EXERCISE DETAILS: Copy nothing from the entries below except the lines from the one containing "#90=IFCINDEXEDPOLYGONALFACE((37,41,42,38));" through the one containing "#91=IFCINDEXEDPOLYGONALFACE((39,40,42,41));", and copy those exactly.

Collected data:

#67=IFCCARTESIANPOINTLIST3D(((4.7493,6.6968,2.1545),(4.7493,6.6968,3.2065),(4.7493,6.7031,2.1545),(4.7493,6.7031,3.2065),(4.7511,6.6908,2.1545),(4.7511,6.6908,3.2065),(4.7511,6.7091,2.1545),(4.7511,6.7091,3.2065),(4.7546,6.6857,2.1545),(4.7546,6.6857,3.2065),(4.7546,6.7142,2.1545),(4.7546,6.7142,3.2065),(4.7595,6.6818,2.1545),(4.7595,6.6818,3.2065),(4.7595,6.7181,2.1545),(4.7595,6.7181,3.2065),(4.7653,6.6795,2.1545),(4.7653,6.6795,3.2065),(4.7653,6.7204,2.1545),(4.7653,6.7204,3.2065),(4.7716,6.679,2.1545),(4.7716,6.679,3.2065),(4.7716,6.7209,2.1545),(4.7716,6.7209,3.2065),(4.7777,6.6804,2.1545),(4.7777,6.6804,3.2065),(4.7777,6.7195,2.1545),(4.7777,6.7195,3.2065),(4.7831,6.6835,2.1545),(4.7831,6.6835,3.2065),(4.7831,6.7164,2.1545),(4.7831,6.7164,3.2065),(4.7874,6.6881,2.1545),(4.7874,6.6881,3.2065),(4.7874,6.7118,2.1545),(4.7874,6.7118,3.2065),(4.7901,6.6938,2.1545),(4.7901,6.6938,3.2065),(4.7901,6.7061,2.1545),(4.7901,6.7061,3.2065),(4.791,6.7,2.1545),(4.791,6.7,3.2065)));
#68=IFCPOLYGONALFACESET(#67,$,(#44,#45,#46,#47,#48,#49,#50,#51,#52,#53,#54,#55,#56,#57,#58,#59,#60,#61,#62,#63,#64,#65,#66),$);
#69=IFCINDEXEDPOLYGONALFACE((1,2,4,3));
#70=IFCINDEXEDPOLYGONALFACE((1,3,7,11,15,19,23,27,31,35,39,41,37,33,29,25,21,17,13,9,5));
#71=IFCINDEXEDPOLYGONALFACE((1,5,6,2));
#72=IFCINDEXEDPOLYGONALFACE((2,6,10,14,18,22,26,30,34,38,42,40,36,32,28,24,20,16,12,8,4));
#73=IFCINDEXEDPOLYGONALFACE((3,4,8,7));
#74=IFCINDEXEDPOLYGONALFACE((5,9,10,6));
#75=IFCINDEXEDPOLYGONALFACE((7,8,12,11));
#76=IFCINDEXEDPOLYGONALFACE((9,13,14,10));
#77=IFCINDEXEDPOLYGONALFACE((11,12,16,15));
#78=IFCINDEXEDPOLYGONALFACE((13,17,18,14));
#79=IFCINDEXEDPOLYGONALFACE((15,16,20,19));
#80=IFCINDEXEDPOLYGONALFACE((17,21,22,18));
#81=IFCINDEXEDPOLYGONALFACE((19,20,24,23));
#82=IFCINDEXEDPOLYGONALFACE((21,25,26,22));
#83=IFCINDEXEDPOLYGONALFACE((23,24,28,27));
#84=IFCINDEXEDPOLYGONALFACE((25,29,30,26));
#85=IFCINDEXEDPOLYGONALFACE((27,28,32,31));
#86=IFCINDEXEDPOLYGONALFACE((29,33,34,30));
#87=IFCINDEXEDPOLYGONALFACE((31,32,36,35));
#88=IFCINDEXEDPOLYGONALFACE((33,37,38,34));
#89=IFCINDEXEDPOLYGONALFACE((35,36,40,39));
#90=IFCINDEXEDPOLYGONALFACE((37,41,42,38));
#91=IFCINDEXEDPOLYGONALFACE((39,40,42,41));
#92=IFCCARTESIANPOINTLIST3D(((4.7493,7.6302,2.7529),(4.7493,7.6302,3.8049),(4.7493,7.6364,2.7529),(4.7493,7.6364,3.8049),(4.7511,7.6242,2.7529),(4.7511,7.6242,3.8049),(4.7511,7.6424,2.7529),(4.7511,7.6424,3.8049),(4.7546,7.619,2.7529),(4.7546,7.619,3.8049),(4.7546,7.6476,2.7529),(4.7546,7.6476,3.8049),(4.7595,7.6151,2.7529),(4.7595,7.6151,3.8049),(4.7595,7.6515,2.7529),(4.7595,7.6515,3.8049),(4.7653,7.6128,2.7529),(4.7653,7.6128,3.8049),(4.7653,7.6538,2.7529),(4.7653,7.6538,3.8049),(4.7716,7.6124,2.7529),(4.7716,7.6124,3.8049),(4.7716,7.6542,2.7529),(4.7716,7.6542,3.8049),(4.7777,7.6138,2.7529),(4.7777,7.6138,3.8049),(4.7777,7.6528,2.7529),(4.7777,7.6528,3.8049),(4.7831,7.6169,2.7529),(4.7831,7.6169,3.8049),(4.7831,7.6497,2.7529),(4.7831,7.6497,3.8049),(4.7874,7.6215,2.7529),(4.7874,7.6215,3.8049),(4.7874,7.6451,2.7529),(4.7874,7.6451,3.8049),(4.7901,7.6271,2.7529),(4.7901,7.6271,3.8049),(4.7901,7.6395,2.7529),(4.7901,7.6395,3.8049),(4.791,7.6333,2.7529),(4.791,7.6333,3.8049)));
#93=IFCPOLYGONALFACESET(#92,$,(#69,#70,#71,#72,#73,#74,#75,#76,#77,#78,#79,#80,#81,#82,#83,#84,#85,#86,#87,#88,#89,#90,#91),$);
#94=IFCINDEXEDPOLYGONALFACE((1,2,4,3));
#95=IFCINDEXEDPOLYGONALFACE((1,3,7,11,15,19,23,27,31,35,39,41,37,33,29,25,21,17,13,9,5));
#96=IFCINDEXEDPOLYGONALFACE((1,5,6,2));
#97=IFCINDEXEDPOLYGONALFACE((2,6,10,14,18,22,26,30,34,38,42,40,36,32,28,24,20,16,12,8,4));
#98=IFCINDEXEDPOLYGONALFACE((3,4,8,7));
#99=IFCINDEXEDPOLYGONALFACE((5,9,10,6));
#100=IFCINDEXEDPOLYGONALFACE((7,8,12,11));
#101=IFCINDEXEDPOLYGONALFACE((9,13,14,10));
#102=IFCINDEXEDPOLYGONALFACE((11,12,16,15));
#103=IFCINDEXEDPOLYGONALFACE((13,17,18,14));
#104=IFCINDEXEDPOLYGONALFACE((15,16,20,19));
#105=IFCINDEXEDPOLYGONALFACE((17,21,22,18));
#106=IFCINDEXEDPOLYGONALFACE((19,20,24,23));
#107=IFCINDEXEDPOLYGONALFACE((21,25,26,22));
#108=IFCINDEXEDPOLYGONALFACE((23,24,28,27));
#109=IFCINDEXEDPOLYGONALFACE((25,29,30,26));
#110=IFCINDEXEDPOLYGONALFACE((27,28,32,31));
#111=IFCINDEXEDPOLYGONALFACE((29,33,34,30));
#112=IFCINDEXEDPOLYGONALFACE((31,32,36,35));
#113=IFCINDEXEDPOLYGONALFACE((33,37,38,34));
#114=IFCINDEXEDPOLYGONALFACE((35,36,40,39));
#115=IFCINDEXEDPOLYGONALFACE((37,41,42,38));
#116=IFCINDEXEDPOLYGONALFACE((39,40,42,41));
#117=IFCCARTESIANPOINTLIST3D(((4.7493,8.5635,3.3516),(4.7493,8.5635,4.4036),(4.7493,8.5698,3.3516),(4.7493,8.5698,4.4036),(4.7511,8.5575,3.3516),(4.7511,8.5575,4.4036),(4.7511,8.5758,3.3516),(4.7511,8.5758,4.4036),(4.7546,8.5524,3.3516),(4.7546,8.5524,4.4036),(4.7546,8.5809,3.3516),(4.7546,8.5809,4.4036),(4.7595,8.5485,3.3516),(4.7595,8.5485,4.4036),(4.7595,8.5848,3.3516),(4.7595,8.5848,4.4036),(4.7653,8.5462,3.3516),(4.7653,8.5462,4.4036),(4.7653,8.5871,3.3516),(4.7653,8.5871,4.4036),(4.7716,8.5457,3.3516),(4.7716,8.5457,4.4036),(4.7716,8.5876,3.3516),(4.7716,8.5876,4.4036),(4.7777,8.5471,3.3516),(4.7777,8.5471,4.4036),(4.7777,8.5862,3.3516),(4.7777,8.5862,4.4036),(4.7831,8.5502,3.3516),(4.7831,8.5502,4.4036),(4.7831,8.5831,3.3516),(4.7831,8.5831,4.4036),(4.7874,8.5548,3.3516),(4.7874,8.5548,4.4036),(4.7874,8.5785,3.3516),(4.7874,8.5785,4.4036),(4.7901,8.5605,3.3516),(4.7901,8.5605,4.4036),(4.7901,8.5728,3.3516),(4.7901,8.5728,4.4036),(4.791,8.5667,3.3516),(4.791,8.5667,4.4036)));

ANSWER TO THE PROBLEM:
#90=IFCINDEXEDPOLYGONALFACE((37,41,42,38));
#91=IFCINDEXEDPOLYGONALFACE((39,40,42,41));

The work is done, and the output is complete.